What is needed -> Copy out each record below, exactly as given.

The records ->
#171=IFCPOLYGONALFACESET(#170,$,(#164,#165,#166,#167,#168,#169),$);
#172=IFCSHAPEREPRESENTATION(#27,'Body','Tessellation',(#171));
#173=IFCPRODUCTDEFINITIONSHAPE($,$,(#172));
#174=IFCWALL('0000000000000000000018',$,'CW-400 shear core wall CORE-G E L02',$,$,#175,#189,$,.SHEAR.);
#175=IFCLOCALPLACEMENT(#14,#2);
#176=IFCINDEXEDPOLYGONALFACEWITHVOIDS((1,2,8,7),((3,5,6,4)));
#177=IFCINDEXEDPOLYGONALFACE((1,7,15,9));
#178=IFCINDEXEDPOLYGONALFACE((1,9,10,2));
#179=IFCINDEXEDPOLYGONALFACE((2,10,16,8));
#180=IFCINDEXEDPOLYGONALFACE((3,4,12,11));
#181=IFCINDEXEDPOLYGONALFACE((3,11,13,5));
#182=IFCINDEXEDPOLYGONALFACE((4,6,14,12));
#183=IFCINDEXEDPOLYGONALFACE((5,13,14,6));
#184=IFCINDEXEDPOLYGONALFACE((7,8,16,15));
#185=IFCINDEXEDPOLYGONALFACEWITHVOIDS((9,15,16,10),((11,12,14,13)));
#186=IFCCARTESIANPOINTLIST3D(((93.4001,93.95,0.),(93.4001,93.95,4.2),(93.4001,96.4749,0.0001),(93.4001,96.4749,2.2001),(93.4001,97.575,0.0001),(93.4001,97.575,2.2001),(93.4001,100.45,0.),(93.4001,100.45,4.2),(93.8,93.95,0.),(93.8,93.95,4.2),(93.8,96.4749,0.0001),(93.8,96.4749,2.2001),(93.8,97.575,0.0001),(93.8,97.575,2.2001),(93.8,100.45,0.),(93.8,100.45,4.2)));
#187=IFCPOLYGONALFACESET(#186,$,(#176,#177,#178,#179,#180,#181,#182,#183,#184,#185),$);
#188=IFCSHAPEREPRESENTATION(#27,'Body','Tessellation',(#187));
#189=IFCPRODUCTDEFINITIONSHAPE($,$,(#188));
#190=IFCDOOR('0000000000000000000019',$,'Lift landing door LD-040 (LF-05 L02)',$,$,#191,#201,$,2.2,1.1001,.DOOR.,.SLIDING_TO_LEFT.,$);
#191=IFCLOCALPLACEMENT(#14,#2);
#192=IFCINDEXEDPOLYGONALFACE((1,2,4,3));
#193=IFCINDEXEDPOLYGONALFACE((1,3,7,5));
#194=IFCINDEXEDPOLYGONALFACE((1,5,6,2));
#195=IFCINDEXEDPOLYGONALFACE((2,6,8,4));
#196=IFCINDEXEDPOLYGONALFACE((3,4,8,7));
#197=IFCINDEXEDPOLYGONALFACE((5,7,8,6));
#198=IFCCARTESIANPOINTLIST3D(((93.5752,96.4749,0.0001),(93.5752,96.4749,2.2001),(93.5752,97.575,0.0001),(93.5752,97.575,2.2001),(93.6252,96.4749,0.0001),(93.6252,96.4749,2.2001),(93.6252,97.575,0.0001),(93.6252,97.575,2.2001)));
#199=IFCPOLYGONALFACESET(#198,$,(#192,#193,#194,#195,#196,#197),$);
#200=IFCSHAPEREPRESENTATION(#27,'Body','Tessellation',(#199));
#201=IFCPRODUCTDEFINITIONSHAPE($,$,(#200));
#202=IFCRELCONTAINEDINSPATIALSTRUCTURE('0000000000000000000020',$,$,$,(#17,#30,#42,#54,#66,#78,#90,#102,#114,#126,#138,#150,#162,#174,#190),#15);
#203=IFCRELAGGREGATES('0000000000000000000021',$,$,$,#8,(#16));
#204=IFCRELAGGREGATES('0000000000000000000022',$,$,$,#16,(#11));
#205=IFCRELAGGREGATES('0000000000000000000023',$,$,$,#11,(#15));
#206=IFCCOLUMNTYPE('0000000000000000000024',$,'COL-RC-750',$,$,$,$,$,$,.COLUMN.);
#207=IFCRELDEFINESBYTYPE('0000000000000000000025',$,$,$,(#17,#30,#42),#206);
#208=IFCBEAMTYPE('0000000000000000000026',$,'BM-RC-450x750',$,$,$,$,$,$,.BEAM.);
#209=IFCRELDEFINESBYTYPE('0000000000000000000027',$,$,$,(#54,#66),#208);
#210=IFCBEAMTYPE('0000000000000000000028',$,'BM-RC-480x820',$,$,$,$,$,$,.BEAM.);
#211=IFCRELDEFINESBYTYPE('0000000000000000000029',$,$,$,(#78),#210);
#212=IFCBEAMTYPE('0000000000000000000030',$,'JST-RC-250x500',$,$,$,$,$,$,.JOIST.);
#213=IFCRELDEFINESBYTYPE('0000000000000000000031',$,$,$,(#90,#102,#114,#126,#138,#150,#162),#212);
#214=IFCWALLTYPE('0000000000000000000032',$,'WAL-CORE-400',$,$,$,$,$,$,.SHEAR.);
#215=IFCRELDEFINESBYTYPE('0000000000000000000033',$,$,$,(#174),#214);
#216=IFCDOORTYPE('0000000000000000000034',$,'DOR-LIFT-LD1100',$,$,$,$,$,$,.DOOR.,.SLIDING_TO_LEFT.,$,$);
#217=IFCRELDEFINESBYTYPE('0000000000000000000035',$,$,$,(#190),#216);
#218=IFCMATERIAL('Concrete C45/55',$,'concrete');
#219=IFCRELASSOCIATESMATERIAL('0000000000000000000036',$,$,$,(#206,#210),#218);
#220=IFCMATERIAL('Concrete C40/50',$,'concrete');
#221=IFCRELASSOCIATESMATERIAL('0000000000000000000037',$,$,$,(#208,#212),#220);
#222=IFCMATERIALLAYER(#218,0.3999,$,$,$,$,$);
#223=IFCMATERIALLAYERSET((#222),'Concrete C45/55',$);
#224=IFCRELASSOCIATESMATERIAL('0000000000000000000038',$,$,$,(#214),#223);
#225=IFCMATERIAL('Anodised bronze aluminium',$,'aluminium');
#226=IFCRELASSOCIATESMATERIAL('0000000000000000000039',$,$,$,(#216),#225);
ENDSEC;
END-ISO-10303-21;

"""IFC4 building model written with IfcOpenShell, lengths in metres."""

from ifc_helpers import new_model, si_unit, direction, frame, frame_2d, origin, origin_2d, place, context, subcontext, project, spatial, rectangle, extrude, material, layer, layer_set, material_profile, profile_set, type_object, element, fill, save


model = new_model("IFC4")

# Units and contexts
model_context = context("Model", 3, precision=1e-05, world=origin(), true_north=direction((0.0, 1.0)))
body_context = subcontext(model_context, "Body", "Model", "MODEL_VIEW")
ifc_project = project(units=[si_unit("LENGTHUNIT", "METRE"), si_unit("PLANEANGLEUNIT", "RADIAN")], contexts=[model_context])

Exercise answer ->
#171=IFCPOLYGONALFACESET(#170,$,(#164,#165,#166,#167,#168,#169),$);
#172=IFCSHAPEREPRESENTATION(#27,'Body','Tessellation',(#171));
#173=IFCPRODUCTDEFINITIONSHAPE($,$,(#172));
#174=IFCWALL('0000000000000000000018',$,'CW-400 shear core wall CORE-G E L02',$,$,#175,#189,$,.SHEAR.);
#175=IFCLOCALPLACEMENT(#14,#2);
#176=IFCINDEXEDPOLYGONALFACEWITHVOIDS((1,2,8,7),((3,5,6,4)));
#177=IFCINDEXEDPOLYGONALFACE((1,7,15,9));
#178=IFCINDEXEDPOLYGONALFACE((1,9,10,2));
#179=IFCINDEXEDPOLYGONALFACE((2,10,16,8));
#180=IFCINDEXEDPOLYGONALFACE((3,4,12,11));
#181=IFCINDEXEDPOLYGONALFACE((3,11,13,5));
#182=IFCINDEXEDPOLYGONALFACE((4,6,14,12));
#183=IFCINDEXEDPOLYGONALFACE((5,13,14,6));
#184=IFCINDEXEDPOLYGONALFACE((7,8,16,15));
#185=IFCINDEXEDPOLYGONALFACEWITHVOIDS((9,15,16,10),((11,12,14,13)));
#186=IFCCARTESIANPOINTLIST3D(((93.4001,93.95,0.),(93.4001,93.95,4.2),(93.4001,96.4749,0.0001),(93.4001,96.4749,2.2001),(93.4001,97.575,0.0001),(93.4001,97.575,2.2001),(93.4001,100.45,0.),(93.4001,100.45,4.2),(93.8,93.95,0.),(93.8,93.95,4.2),(93.8,96.4749,0.0001),(93.8,96.4749,2.2001),(93.8,97.575,0.0001),(93.8,97.575,2.2001),(93.8,100.45,0.),(93.8,100.45,4.2)));
#187=IFCPOLYGONALFACESET(#186,$,(#176,#177,#178,#179,#180,#181,#182,#183,#184,#185),$);
#188=IFCSHAPEREPRESENTATION(#27,'Body','Tessellation',(#187));
#189=IFCPRODUCTDEFINITIONSHAPE($,$,(#188));
#190=IFCDOOR('0000000000000000000019',$,'Lift landing door LD-040 (LF-05 L02)',$,$,#191,#201,$,2.2,1.1001,.DOOR.,.SLIDING_TO_LEFT.,$);
#191=IFCLOCALPLACEMENT(#14,#2);
#192=IFCINDEXEDPOLYGONALFACE((1,2,4,3));
#193=IFCINDEXEDPOLYGONALFACE((1,3,7,5));
#194=IFCINDEXEDPOLYGONALFACE((1,5,6,2));
#195=IFCINDEXEDPOLYGONALFACE((2,6,8,4));
#196=IFCINDEXEDPOLYGONALFACE((3,4,8,7));
#197=IFCINDEXEDPOLYGONALFACE((5,7,8,6));
#198=IFCCARTESIANPOINTLIST3D(((93.5752,96.4749,0.0001),(93.5752,96.4749,2.2001),(93.5752,97.575,0.0001),(93.5752,97.575,2.2001),(93.6252,96.4749,0.0001),(93.6252,96.4749,2.2001),(93.6252,97.575,0.0001),(93.6252,97.575,2.2001)));
#199=IFCPOLYGONALFACESET(#198,$,(#192,#193,#194,#195,#196,#197),$);
#200=IFCSHAPEREPRESENTATION(#27,'Body','Tessellation',(#199));
#201=IFCPRODUCTDEFINITIONSHAPE($,$,(#200));
#202=IFCRELCONTAINEDINSPATIALSTRUCTURE('0000000000000000000020',$,$,$,(#17,#30,#42,#54,#66,#78,#90,#102,#114,#126,#138,#150,#162,#174,#190),#15);
#203=IFCRELAGGREGATES('0000000000000000000021',$,$,$,#8,(#16));
#204=IFCRELAGGREGATES('0000000000000000000022',$,$,$,#16,(#11));
#205=IFCRELAGGREGATES('0000000000000000000023',$,$,$,#11,(#15));
#206=IFCCOLUMNTYPE('0000000000000000000024',$,'COL-RC-750',$,$,$,$,$,$,.COLUMN.);
#207=IFCRELDEFINESBYTYPE('0000000000000000000025',$,$,$,(#17,#30,#42),#206);
#208=IFCBEAMTYPE('0000000000000000000026',$,'BM-RC-450x750',$,$,$,$,$,$,.BEAM.);
#209=IFCRELDEFINESBYTYPE('0000000000000000000027',$,$,$,(#54,#66),#208);
#210=IFCBEAMTYPE('0000000000000000000028',$,'BM-RC-480x820',$,$,$,$,$,$,.BEAM.);
#211=IFCRELDEFINESBYTYPE('0000000000000000000029',$,$,$,(#78),#210);
#212=IFCBEAMTYPE('0000000000000000000030',$,'JST-RC-250x500',$,$,$,$,$,$,.JOIST.);
#213=IFCRELDEFINESBYTYPE('0000000000000000000031',$,$,$,(#90,#102,#114,#126,#138,#150,#162),#212);
#214=IFCWALLTYPE('0000000000000000000032',$,'WAL-CORE-400',$,$,$,$,$,$,.SHEAR.);
#215=IFCRELDEFINESBYTYPE('0000000000000000000033',$,$,$,(#174),#214);
#216=IFCDOORTYPE('0000000000000000000034',$,'DOR-LIFT-LD1100',$,$,$,$,$,$,.DOOR.,.SLIDING_TO_LEFT.,$,$);
#217=IFCRELDEFINESBYTYPE('0000000000000000000035',$,$,$,(#190),#216);
#218=IFCMATERIAL('Concrete C45/55',$,'concrete');
#219=IFCRELASSOCIATESMATERIAL('0000000000000000000036',$,$,$,(#206,#210),#218);
#220=IFCMATERIAL('Concrete C40/50',$,'concrete');
#221=IFCRELASSOCIATESMATERIAL('0000000000000000000037',$,$,$,(#208,#212),#220);
#222=IFCMATERIALLAYER(#218,0.3999,$,$,$,$,$);
#223=IFCMATERIALLAYERSET((#222),'Concrete C45/55',$);
#224=IFCRELASSOCIATESMATERIAL('0000000000000000000038',$,$,$,(#214),#223);
#225=IFCMATERIAL('Anodised bronze aluminium',$,'aluminium');
#226=IFCRELASSOCIATESMATERIAL('0000000000000000000039',$,$,$,(#216),#225);
ENDSEC;
END-ISO-10303-21;

"""IFC4 building model written with IfcOpenShell, lengths in metres."""

from ifc_helpers import new_model, si_unit, direction, frame, frame_2d, origin, origin_2d, place, context, subcontext, project, spatial, rectangle, extrude, material, layer, layer_set, material_profile, profile_set, type_object, element, fill, save


model = new_model("IFC4")

# Units and contexts
model_context = context("Model", 3, precision=1e-05, world=origin(), true_north=direction((0.0, 1.0)))
body_context = subcontext(model_context, "Body", "Model", "MODEL_VIEW")
ifc_project = project(units=[si_unit("LENGTHUNIT", "METRE"), si_unit("PLANEANGLEUNIT", "RADIAN")], contexts=[model_context])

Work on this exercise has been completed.